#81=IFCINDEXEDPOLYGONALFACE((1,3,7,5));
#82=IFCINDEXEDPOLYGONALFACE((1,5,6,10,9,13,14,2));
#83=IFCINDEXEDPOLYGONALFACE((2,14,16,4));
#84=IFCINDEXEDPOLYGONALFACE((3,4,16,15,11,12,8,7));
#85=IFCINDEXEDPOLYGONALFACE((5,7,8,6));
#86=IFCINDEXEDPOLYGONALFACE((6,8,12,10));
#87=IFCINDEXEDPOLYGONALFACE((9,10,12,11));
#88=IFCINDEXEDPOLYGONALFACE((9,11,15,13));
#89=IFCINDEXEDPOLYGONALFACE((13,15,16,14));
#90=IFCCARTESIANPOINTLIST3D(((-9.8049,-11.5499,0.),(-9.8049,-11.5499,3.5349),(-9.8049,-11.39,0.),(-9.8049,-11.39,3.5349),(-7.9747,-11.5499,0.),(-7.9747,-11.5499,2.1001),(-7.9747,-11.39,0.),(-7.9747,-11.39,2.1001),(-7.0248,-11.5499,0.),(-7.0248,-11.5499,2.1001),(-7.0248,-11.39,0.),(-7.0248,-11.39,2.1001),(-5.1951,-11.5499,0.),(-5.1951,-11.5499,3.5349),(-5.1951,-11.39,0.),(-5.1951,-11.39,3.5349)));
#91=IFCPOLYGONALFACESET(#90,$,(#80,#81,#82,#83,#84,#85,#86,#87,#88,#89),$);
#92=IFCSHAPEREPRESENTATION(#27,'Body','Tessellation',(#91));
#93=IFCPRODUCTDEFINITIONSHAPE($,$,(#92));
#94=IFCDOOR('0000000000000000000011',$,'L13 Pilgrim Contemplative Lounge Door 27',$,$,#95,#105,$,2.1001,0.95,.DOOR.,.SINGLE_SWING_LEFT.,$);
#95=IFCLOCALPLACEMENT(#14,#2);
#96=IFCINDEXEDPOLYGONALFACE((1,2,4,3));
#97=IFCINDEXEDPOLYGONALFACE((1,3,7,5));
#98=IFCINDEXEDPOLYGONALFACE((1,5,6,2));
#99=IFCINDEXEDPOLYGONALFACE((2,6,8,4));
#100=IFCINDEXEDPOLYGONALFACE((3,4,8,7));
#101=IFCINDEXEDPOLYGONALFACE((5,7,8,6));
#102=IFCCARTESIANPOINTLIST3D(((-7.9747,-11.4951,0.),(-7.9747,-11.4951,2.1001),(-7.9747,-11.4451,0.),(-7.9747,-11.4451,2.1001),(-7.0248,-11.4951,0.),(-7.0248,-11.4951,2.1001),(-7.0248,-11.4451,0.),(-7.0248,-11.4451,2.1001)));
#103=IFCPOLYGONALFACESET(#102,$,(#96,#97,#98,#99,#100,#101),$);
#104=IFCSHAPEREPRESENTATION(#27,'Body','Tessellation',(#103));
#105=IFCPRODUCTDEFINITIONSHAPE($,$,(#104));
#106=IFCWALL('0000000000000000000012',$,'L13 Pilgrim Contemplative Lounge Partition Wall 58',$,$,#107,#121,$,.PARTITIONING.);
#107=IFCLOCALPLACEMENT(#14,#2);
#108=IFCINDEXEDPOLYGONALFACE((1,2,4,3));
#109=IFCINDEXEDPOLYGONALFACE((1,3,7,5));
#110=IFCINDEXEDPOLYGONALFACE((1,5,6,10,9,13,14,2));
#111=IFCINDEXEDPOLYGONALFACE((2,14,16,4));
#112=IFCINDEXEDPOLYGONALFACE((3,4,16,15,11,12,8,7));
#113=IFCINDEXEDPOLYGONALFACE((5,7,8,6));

_____

▶ _Assignment_: Please show the lines of the material that contain the string "IFCLOCALPLACEMENT".

▶ _Solved problem_:
#95=IFCLOCALPLACEMENT(#14,#2);
#107=IFCLOCALPLACEMENT(#14,#2);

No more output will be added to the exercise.